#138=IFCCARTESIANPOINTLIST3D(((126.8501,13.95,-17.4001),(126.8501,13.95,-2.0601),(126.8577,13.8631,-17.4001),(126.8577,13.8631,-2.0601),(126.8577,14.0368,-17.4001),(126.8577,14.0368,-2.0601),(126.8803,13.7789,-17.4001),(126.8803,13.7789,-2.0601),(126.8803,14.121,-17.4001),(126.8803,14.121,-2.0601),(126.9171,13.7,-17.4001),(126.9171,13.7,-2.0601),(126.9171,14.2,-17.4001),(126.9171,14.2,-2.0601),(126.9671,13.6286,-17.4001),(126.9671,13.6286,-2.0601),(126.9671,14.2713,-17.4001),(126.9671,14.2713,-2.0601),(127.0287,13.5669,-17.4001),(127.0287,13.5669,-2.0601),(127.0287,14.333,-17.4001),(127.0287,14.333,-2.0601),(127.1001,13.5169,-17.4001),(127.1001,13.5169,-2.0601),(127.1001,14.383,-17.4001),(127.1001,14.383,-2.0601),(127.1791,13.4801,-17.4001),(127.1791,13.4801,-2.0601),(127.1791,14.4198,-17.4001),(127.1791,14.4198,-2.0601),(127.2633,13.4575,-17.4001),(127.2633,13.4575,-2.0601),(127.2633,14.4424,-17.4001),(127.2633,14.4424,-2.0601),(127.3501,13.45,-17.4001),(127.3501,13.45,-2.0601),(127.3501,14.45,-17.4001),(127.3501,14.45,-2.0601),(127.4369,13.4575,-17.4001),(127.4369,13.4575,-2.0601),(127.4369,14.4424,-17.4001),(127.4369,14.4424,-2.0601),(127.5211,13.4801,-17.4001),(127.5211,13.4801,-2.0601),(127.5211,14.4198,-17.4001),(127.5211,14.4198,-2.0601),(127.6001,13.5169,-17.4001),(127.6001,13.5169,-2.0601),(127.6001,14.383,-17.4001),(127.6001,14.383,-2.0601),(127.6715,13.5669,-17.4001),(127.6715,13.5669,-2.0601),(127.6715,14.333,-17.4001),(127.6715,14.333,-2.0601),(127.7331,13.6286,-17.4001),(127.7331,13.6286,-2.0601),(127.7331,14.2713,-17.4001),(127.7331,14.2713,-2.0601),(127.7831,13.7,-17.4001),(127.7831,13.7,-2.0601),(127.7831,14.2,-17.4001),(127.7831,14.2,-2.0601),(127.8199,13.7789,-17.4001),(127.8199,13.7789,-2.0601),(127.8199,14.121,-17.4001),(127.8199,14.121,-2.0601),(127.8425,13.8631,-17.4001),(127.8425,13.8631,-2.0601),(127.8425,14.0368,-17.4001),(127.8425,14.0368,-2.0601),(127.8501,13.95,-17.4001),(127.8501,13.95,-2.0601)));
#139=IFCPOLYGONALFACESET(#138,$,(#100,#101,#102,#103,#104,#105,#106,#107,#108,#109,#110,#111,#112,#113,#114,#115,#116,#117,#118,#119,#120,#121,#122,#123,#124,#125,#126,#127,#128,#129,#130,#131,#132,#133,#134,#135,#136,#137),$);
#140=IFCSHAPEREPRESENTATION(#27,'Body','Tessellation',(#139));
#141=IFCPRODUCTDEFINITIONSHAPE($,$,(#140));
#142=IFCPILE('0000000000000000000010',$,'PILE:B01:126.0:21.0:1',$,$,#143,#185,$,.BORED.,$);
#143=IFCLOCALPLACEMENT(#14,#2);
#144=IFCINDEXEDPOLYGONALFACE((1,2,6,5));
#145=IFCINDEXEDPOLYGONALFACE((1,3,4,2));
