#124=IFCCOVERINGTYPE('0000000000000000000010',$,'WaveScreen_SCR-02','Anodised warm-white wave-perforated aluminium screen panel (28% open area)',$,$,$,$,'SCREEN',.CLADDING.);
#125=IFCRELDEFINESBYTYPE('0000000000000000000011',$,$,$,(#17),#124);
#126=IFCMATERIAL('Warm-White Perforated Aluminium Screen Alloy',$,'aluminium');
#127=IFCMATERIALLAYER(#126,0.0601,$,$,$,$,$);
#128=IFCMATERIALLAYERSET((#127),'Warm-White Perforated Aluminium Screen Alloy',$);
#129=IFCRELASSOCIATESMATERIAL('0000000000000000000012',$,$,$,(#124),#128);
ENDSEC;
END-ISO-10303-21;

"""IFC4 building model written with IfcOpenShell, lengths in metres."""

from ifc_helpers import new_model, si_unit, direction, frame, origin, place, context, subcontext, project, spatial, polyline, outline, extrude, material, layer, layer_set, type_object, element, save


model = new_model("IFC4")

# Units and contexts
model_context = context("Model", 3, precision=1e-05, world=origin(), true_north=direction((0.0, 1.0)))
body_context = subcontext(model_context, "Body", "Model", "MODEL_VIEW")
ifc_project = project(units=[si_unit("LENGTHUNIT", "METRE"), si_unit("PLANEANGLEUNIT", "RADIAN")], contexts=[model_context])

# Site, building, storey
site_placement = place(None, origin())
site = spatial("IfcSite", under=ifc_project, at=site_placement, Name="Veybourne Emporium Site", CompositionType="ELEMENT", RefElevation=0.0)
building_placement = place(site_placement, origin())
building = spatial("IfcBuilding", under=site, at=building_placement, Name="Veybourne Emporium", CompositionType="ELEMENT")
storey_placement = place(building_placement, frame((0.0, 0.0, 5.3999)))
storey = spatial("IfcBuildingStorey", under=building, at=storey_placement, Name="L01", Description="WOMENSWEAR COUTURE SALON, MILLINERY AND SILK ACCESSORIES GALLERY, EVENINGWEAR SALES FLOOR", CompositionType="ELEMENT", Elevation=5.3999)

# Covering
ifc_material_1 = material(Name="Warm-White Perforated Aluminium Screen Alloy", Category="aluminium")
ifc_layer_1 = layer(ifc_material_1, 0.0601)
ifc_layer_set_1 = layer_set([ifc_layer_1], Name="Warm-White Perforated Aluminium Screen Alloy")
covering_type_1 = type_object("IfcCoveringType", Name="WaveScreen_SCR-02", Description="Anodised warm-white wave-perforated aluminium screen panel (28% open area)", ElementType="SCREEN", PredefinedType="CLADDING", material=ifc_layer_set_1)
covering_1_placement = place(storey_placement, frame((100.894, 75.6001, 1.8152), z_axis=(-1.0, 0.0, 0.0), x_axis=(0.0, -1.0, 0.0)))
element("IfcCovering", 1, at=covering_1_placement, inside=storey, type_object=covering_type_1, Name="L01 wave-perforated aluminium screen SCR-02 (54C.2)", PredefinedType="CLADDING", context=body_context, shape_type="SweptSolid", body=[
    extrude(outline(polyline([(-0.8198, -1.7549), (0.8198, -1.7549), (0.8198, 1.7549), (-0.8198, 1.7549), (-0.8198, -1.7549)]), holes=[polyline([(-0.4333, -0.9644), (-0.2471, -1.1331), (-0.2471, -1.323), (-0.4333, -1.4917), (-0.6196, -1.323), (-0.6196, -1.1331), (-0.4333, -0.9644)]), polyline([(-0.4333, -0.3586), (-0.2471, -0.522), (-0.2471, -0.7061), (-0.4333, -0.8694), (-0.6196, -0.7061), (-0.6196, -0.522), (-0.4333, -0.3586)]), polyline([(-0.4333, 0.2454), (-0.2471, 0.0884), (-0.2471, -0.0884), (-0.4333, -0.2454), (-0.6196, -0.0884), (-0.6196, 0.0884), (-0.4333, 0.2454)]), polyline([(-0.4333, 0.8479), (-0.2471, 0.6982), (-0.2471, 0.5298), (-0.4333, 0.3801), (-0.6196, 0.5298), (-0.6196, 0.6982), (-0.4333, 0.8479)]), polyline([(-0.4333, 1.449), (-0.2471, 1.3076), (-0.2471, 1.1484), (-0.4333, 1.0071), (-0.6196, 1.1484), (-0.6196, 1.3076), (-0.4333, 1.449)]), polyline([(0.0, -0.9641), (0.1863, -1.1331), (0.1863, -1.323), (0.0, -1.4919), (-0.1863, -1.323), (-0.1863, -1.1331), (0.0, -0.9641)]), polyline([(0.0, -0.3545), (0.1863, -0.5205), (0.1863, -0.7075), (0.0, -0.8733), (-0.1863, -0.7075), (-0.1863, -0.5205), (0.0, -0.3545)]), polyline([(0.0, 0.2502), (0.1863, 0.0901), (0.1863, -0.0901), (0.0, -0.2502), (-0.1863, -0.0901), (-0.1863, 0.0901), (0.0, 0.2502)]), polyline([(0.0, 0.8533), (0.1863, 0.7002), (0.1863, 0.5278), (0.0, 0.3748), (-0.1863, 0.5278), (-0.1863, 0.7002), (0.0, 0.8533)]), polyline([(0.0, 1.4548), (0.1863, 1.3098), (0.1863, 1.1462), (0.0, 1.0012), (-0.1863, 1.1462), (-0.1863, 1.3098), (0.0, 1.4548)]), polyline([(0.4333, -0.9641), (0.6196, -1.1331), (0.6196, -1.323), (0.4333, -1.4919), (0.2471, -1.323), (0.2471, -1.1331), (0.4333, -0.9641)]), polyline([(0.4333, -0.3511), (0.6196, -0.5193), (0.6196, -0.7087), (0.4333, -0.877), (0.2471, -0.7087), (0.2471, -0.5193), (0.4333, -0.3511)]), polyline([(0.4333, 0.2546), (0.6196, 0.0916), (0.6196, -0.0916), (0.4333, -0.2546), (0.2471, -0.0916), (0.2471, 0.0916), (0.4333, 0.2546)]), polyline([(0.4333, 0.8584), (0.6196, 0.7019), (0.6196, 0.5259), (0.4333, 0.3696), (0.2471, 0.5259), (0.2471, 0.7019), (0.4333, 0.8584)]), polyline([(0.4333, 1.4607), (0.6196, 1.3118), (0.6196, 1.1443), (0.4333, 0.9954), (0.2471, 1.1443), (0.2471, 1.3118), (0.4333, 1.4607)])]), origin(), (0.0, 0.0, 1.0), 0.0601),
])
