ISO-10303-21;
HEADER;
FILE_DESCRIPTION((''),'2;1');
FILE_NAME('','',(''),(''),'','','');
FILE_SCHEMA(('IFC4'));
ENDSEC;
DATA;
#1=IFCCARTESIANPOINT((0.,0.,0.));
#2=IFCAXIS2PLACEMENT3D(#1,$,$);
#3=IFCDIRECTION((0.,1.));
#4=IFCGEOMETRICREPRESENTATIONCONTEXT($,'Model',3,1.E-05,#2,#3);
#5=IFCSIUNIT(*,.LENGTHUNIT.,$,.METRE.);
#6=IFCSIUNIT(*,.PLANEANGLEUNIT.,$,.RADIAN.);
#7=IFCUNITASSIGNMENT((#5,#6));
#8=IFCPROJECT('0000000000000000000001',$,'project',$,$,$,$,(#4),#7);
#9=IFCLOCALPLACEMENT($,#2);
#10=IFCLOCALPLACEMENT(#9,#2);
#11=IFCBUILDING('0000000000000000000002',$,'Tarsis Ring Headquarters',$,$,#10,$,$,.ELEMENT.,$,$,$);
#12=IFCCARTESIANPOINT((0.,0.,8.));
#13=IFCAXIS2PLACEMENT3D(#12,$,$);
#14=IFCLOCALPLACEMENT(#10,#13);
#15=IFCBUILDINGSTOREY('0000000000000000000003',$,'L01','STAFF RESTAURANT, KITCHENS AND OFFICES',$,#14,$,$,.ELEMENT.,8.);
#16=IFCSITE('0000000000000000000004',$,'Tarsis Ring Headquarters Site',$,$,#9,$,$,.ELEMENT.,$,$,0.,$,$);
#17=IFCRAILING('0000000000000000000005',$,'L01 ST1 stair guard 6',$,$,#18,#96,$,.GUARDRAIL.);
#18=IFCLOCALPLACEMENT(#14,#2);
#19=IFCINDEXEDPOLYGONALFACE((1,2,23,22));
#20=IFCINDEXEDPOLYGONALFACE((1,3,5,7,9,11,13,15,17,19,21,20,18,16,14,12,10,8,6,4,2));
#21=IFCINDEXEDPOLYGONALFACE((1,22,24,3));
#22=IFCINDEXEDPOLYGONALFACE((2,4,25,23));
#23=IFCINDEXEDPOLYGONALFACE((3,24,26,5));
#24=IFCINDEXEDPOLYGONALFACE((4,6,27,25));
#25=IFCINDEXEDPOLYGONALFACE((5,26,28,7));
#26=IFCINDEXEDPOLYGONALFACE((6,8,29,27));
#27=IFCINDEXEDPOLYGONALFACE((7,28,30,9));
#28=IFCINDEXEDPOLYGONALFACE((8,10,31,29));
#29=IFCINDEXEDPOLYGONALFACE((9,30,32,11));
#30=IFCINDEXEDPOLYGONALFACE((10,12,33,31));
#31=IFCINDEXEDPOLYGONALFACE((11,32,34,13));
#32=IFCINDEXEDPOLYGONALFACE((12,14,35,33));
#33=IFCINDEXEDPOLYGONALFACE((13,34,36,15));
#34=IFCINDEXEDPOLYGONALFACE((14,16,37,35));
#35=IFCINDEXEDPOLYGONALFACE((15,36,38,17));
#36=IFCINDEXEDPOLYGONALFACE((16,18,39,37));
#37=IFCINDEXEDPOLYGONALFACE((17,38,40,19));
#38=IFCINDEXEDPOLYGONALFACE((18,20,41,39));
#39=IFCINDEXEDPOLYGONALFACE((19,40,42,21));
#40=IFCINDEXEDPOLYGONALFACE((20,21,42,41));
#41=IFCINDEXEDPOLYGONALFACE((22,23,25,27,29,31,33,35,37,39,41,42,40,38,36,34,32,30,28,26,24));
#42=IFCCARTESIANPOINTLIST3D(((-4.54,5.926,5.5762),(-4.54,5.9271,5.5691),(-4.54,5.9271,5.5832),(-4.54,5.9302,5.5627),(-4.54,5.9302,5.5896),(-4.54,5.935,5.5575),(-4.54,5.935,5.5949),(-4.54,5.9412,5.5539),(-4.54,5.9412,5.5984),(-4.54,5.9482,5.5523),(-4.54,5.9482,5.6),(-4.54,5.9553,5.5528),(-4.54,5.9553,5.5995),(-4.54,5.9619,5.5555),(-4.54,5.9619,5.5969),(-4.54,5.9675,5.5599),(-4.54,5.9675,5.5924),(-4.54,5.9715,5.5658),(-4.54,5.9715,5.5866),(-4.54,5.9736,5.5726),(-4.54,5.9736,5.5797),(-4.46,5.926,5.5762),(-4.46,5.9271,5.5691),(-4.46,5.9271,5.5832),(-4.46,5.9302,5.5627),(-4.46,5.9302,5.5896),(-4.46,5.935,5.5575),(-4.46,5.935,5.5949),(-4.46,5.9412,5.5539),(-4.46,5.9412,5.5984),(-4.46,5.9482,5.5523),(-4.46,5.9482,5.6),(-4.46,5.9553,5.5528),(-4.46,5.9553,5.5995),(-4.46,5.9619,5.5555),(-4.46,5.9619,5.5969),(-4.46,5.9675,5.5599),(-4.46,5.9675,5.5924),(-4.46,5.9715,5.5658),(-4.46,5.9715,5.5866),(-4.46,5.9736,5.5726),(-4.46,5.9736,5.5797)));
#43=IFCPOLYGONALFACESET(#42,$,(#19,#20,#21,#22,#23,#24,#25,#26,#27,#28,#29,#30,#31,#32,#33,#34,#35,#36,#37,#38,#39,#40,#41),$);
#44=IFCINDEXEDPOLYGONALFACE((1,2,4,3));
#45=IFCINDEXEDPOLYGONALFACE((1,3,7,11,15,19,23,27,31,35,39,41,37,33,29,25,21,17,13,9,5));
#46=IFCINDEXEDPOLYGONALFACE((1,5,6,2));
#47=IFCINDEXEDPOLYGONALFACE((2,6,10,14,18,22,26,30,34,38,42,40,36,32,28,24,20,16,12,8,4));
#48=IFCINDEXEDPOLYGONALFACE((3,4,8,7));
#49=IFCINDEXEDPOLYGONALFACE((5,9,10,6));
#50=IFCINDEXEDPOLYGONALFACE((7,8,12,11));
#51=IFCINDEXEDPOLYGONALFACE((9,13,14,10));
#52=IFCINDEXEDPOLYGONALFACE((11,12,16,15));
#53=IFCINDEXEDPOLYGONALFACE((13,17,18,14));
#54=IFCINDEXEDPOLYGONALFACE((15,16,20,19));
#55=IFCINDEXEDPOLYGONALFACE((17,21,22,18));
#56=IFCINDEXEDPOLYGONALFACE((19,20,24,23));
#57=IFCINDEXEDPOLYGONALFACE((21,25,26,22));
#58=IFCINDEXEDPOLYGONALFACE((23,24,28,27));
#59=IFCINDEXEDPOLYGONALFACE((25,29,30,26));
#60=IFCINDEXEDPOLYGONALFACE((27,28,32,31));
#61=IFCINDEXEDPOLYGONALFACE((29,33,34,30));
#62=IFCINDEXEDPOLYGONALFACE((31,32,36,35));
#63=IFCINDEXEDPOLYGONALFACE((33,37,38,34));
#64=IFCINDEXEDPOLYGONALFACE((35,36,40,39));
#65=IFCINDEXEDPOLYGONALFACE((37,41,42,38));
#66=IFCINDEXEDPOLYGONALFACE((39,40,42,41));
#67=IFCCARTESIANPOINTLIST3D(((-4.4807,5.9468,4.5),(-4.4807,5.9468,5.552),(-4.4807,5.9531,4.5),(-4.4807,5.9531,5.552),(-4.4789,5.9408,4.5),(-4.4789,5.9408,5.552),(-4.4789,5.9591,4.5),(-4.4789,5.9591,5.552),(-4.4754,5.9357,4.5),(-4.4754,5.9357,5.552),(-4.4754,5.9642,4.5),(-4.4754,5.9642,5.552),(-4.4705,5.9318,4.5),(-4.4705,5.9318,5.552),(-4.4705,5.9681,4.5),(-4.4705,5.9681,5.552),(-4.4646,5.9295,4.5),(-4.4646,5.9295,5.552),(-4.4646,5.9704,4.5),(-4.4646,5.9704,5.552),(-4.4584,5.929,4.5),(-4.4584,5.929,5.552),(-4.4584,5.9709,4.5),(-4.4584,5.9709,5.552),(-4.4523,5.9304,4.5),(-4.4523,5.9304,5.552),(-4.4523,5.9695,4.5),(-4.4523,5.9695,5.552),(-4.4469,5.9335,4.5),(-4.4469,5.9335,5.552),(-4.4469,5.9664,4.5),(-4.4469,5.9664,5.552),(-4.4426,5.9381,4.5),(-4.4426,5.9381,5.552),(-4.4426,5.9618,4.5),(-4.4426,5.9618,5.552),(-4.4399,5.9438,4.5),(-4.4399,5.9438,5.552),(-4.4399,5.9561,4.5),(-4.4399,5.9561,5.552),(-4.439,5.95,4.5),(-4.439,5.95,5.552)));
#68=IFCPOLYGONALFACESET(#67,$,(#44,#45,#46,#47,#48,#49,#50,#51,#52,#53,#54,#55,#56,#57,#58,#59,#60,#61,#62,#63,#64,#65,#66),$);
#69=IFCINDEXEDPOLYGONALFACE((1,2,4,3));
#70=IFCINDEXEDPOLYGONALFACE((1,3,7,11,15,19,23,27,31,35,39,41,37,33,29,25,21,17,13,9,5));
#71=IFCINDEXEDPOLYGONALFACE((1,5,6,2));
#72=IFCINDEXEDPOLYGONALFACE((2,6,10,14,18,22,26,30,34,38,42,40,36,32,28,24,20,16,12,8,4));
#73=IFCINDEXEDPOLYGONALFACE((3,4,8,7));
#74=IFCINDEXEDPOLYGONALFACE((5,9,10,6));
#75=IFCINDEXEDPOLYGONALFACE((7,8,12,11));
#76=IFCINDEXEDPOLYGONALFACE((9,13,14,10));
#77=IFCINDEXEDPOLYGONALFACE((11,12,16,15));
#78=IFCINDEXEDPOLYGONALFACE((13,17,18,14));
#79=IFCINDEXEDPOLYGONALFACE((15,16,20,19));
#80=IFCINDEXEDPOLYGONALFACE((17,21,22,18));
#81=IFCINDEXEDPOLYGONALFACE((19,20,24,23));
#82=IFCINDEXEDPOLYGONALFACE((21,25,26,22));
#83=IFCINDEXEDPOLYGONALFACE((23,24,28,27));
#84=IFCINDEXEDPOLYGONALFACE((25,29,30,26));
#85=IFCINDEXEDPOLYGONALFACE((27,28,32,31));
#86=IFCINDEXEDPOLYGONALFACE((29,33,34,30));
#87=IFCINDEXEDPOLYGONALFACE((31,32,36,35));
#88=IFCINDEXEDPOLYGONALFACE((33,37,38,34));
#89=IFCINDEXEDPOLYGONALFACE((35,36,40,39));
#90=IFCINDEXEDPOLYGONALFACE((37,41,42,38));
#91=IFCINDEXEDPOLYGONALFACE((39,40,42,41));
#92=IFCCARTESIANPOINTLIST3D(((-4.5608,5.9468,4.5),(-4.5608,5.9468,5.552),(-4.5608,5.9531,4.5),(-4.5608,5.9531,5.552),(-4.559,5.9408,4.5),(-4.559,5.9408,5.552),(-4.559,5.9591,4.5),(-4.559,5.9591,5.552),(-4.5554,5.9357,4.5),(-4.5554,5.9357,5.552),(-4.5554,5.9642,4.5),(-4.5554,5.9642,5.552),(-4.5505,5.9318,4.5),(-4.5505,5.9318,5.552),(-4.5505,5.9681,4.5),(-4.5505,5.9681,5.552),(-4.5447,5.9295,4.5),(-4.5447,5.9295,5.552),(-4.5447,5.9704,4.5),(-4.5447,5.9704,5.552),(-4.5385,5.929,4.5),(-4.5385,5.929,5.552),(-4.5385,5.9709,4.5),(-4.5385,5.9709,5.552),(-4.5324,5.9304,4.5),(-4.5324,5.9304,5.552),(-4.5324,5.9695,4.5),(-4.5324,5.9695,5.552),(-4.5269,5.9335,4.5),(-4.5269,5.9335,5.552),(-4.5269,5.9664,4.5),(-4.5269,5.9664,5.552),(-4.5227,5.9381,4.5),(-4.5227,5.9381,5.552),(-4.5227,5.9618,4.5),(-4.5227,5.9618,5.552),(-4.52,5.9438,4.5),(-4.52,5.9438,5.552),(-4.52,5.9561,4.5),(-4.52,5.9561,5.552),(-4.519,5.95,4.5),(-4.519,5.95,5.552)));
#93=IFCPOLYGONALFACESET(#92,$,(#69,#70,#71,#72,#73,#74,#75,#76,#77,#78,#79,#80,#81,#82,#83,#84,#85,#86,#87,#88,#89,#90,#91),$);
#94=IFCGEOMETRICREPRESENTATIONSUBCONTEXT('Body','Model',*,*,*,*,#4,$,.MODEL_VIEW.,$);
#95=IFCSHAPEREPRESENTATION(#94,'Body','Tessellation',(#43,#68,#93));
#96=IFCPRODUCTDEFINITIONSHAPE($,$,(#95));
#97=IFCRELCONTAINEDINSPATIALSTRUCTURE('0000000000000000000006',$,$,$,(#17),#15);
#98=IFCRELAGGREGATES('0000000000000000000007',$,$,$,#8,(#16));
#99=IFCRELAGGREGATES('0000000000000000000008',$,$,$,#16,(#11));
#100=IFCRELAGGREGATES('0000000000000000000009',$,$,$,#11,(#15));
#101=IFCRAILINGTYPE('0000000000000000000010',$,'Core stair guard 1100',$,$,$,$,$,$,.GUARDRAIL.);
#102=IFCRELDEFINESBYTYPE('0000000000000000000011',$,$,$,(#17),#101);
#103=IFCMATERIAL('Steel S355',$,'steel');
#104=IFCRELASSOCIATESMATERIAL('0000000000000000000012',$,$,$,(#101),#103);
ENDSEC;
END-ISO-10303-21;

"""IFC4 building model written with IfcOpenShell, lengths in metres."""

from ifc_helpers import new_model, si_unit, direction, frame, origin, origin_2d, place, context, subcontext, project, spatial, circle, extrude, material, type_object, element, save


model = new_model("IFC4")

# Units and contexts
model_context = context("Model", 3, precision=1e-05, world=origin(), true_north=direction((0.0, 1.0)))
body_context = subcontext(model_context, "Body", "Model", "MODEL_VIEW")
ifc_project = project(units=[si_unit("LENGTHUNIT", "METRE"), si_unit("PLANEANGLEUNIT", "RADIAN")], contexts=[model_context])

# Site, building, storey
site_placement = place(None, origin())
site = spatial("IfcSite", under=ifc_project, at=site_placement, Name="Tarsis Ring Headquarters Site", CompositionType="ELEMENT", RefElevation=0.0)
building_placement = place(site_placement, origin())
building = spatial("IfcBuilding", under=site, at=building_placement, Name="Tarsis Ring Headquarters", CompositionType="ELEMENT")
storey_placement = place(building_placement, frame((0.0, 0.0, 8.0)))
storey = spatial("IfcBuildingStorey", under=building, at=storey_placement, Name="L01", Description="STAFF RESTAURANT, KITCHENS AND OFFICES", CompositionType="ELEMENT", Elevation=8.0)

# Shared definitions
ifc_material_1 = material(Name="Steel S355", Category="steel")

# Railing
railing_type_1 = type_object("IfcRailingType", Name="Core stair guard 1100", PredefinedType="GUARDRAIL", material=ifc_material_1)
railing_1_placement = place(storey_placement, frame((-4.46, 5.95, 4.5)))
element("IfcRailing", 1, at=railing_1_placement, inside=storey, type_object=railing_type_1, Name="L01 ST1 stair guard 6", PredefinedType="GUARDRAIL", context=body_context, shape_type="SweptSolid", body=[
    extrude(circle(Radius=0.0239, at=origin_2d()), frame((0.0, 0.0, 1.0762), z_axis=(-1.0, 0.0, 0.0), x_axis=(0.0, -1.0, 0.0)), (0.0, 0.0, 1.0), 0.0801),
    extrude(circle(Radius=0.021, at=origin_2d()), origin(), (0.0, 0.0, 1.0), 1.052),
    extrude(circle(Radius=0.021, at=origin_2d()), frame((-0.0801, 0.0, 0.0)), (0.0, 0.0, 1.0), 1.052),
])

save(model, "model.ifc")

**Problem statement:**
Among the lines above, find the one with "#24=IFCINDEXEDPOLYGONALFACE((4,6,27,25));" and the one with "#31=IFCINDEXEDPOLYGONALFACE((11,32,34,13));". Quote both and everything between them, exactly.

**Answer for this exercise:**
#24=IFCINDEXEDPOLYGONALFACE((4,6,27,25));
#25=IFCINDEXEDPOLYGONALFACE((5,26,28,7));
#26=IFCINDEXEDPOLYGONALFACE((6,8,29,27));
#27=IFCINDEXEDPOLYGONALFACE((7,28,30,9));
#28=IFCINDEXEDPOLYGONALFACE((8,10,31,29));
#29=IFCINDEXEDPOLYGONALFACE((9,30,32,11));
#30=IFCINDEXEDPOLYGONALFACE((10,12,33,31));
#31=IFCINDEXEDPOLYGONALFACE((11,32,34,13));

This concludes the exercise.